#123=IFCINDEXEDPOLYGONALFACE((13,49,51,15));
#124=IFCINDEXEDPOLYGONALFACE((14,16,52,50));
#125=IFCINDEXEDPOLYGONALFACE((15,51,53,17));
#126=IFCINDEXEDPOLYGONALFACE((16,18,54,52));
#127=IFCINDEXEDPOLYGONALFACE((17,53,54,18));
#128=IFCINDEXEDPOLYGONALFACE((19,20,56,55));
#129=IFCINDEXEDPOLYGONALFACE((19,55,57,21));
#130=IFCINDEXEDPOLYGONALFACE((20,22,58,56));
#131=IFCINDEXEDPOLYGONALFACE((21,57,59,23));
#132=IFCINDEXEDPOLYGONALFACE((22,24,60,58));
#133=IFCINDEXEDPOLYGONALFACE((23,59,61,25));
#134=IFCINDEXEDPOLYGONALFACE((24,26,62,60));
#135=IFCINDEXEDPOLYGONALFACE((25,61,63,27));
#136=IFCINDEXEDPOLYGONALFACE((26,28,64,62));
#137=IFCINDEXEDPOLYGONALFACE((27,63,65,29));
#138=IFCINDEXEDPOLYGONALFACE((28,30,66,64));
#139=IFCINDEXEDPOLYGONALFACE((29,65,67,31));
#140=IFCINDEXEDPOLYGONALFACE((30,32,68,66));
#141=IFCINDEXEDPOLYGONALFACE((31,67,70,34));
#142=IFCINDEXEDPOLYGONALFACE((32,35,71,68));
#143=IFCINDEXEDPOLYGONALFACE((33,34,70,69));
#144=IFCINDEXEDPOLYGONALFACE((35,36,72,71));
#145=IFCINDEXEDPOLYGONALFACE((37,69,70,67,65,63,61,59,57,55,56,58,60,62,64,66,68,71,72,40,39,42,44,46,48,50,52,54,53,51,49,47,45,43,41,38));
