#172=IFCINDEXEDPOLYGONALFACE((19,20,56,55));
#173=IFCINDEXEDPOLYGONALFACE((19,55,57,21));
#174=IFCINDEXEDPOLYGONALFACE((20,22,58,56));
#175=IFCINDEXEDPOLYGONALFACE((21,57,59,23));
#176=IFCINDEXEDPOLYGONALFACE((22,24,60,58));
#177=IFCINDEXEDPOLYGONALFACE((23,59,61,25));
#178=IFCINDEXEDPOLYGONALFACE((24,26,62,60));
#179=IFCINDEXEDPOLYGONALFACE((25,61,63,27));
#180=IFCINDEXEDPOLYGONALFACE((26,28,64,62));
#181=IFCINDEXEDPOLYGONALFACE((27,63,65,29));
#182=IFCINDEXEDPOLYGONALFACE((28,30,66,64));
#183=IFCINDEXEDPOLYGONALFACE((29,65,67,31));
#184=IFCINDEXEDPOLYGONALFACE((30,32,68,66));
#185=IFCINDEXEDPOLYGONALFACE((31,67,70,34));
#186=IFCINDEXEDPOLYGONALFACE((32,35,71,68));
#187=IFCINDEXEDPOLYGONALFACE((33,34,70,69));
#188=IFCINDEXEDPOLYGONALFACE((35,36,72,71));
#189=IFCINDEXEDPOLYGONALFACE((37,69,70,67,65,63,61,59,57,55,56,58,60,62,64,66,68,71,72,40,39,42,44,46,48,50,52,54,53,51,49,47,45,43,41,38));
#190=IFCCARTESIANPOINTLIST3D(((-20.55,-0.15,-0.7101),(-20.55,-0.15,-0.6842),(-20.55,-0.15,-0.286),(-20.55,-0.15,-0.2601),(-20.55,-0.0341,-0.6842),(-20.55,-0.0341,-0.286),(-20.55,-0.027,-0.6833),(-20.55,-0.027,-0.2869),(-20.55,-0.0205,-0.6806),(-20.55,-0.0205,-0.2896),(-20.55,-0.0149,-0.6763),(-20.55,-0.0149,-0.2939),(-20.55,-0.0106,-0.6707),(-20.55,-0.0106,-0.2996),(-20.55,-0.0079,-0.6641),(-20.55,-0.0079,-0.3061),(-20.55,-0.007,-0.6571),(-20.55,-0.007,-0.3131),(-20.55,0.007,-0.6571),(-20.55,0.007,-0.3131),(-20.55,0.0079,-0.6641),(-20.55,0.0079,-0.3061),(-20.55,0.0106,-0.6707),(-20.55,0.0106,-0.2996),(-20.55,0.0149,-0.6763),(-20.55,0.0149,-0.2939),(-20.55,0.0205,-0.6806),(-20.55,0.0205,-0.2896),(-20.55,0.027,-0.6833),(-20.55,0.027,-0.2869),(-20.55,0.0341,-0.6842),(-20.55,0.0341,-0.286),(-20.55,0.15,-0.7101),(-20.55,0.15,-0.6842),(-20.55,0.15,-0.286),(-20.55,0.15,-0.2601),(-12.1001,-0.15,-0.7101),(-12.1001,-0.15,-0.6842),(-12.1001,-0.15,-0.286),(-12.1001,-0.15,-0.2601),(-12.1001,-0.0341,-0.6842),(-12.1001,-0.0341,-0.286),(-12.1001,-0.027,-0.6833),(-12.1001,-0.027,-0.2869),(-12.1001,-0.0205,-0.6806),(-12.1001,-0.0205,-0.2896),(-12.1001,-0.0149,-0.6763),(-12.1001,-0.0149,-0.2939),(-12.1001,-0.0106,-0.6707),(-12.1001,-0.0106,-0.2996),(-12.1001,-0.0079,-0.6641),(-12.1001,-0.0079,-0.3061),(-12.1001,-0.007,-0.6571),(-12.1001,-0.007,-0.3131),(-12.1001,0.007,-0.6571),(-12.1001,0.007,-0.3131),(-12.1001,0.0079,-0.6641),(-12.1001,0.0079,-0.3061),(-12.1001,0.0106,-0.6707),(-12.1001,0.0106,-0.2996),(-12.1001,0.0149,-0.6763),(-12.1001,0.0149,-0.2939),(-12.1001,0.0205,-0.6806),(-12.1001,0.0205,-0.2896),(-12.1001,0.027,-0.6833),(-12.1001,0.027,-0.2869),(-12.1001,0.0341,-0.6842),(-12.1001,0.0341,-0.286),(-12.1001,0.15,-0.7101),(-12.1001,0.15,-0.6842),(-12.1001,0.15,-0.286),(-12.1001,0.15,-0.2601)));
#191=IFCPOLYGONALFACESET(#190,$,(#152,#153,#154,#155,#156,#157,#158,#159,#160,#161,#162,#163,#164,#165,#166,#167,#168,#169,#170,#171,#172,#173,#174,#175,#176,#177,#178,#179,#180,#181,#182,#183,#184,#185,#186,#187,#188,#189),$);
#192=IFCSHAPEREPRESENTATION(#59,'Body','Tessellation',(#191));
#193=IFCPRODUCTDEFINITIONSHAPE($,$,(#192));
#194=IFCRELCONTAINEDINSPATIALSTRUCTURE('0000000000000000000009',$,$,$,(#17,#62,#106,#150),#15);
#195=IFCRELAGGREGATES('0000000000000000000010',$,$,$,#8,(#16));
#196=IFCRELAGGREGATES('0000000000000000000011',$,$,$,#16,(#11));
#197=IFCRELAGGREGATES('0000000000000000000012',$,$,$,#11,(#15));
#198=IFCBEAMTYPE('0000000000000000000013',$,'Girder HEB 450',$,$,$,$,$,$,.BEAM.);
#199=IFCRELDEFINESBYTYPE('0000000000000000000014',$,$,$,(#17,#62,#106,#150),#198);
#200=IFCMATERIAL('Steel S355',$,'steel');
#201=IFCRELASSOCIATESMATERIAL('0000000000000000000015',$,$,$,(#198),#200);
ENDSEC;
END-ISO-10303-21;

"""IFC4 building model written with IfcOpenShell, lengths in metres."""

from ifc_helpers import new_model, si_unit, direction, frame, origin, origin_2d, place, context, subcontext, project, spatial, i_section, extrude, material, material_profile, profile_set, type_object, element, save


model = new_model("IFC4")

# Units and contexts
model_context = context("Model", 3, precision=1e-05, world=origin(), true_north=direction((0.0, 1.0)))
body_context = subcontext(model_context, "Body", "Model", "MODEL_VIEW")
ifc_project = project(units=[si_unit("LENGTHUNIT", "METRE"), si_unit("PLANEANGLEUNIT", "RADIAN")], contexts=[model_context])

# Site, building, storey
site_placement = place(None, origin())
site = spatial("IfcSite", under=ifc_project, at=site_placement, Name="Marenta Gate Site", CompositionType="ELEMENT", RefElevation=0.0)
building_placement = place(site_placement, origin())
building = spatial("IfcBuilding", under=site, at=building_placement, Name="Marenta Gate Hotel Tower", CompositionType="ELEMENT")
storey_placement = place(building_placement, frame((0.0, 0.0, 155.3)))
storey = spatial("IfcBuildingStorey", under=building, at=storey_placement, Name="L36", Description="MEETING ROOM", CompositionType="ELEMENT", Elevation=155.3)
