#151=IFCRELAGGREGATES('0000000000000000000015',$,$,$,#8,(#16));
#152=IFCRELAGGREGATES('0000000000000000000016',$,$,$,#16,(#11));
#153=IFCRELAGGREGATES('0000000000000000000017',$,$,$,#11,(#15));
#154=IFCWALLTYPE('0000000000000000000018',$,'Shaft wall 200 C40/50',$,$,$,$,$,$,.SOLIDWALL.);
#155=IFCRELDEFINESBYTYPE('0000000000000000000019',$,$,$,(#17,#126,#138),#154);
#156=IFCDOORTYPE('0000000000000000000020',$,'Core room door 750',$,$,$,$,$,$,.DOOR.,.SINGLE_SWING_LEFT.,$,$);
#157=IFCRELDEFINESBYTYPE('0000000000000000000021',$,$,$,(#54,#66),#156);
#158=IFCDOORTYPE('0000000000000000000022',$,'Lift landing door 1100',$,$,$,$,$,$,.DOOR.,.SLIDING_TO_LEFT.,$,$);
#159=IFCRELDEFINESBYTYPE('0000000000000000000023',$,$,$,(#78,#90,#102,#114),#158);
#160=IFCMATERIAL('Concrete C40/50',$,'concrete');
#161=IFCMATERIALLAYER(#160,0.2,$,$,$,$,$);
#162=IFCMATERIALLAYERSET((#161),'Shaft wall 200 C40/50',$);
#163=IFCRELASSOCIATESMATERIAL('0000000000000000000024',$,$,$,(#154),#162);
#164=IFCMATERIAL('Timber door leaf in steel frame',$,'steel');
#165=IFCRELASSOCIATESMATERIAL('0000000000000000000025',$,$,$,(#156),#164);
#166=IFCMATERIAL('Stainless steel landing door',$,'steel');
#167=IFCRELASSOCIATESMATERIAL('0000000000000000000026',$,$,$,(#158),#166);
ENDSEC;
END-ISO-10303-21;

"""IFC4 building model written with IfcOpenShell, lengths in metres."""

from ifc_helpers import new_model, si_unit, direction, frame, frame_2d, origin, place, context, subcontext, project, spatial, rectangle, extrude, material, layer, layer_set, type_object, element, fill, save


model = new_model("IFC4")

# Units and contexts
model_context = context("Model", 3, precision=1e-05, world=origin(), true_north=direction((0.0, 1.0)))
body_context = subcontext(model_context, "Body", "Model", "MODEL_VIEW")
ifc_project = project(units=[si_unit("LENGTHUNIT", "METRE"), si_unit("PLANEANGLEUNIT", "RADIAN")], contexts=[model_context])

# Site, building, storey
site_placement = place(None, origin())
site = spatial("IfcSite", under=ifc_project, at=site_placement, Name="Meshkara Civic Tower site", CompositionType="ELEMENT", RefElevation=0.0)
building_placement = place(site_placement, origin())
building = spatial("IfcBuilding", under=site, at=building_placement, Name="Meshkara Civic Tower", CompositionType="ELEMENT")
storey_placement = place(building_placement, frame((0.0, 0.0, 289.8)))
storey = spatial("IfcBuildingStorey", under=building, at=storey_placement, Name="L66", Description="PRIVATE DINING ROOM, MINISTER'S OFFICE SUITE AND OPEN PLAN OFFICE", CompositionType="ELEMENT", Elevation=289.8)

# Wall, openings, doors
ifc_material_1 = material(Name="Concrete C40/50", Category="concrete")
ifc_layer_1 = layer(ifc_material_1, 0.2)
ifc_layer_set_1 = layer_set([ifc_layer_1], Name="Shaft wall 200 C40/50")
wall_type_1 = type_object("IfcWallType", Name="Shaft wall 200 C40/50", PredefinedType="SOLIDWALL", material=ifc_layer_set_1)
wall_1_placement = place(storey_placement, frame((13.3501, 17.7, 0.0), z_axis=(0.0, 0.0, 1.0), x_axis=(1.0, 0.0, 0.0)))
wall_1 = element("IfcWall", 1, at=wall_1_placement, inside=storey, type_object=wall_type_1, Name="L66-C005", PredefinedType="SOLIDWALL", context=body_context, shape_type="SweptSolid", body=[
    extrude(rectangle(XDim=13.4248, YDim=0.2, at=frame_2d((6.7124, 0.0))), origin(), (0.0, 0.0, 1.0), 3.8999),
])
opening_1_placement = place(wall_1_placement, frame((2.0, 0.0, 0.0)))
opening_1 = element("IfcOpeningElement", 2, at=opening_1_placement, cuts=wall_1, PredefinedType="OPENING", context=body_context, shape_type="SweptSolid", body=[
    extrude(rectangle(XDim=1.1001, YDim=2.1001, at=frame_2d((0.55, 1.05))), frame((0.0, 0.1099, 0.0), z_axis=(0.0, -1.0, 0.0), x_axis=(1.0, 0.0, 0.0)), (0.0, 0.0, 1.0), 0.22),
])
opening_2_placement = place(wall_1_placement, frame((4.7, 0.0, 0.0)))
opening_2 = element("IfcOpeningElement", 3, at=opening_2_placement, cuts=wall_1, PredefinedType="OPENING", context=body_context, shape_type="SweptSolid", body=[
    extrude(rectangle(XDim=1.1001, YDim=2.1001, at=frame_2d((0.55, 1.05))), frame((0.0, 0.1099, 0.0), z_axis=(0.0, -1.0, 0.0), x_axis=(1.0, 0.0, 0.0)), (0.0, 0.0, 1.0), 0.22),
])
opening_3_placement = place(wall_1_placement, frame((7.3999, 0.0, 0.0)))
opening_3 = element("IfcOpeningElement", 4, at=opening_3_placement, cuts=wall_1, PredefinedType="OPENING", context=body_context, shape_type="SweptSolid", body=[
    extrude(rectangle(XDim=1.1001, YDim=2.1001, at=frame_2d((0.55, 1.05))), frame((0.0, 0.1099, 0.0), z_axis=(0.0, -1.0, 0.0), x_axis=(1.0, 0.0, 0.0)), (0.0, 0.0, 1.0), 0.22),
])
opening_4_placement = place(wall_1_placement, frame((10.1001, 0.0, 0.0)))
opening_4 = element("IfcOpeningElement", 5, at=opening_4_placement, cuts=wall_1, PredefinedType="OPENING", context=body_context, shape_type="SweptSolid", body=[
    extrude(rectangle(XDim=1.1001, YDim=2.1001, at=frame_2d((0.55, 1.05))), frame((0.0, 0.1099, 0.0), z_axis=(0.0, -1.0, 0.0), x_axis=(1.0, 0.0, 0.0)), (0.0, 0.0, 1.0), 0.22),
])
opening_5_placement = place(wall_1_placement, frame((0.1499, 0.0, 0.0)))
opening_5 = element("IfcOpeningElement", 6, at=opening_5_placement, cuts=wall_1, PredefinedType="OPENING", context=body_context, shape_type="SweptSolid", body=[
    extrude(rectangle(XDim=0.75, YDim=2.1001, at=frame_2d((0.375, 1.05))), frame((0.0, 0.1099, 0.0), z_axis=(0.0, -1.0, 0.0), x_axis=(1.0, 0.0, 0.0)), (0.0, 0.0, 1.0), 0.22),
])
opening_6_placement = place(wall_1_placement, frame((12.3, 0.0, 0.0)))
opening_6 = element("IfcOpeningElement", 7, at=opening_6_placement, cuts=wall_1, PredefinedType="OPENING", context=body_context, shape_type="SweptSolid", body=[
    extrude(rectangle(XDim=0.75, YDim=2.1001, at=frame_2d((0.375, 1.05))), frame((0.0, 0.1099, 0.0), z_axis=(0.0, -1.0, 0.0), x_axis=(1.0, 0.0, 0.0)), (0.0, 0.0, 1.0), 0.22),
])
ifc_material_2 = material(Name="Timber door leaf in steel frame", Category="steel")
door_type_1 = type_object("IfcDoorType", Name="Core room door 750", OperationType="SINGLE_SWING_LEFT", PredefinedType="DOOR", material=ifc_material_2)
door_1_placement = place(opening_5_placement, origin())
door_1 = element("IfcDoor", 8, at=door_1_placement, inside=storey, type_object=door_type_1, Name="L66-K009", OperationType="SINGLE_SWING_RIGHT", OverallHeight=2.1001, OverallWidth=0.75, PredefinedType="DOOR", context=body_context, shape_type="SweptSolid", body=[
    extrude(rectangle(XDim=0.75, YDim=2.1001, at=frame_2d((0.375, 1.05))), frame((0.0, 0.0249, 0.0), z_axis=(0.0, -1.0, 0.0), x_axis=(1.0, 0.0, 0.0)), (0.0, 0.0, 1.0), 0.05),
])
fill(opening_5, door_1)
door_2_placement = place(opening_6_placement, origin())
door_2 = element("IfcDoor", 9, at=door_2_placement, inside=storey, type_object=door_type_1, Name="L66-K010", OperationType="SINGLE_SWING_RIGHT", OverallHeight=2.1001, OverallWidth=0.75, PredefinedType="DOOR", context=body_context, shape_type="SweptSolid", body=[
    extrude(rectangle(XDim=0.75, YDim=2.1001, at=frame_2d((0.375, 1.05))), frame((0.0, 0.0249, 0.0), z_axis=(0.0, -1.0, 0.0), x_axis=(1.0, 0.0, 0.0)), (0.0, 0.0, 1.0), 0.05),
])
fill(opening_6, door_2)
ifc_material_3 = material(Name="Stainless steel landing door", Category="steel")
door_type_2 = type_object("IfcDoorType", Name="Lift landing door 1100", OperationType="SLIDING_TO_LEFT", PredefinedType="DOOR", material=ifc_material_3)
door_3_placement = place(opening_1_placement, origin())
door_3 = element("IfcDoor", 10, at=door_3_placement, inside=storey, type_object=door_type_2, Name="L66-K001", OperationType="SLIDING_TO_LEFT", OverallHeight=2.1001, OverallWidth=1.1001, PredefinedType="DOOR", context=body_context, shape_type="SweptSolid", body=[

● ● ● ● ●

▶ **REQUIREMENT**
Every line containing the word "Category" must be copied from the material above.

▶ **SOLUTION TO THIS EXERCISE**
ifc_material_1 = material(Name="Concrete C40/50", Category="concrete")
ifc_material_2 = material(Name="Timber door leaf in steel frame", Category="steel")
ifc_material_3 = material(Name="Stainless steel landing door", Category="steel")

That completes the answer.